* Saved entries

______________________________

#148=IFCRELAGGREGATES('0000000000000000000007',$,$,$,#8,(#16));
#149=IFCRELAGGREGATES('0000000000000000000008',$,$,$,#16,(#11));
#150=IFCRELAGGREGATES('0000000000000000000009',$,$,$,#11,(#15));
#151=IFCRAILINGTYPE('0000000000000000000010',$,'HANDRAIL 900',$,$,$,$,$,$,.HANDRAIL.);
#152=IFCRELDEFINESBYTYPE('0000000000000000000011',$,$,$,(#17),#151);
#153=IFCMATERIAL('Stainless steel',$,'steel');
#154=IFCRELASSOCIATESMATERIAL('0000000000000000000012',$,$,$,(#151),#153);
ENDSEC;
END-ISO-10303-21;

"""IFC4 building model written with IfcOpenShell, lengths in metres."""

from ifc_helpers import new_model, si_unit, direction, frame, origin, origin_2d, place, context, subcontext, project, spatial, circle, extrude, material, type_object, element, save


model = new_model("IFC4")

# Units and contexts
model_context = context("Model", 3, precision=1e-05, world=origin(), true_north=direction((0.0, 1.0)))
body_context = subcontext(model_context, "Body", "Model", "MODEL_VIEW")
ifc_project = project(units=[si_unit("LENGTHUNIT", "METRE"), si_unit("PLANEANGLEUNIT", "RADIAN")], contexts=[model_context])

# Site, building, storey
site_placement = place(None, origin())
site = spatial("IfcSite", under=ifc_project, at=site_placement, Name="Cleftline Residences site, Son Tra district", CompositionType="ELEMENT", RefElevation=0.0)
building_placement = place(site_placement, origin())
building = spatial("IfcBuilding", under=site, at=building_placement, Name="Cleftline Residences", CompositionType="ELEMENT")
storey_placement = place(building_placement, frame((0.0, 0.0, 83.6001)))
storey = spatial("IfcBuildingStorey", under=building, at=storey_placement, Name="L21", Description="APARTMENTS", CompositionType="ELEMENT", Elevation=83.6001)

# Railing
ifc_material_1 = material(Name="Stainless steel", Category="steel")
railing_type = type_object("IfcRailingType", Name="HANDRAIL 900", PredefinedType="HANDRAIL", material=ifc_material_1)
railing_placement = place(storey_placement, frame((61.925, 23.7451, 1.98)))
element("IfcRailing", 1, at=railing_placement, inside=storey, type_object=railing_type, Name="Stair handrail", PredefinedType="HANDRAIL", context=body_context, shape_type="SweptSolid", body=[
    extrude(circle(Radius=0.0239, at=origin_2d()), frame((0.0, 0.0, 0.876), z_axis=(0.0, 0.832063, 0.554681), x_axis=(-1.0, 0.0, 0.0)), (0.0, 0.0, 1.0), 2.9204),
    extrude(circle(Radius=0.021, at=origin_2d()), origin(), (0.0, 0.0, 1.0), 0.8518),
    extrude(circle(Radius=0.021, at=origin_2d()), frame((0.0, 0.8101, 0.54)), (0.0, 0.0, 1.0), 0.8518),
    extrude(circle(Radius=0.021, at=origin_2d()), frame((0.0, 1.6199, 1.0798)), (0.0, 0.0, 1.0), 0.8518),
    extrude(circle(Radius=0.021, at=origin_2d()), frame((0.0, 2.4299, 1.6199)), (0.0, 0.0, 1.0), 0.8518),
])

______________________________

* Task to carry out
Where does the string "spatial" appear in the records above? Show every line that holds it.

* Problem solution
from ifc_helpers import new_model, si_unit, direction, frame, origin, origin_2d, place, context, subcontext, project, spatial, circle, extrude, material, type_object, element, save
site = spatial("IfcSite", under=ifc_project, at=site_placement, Name="Cleftline Residences site, Son Tra district", CompositionType="ELEMENT", RefElevation=0.0)
building = spatial("IfcBuilding", under=site, at=building_placement, Name="Cleftline Residences", CompositionType="ELEMENT")
storey = spatial("IfcBuildingStorey", under=building, at=storey_placement, Name="L21", Description="APARTMENTS", CompositionType="ELEMENT", Elevation=83.6001)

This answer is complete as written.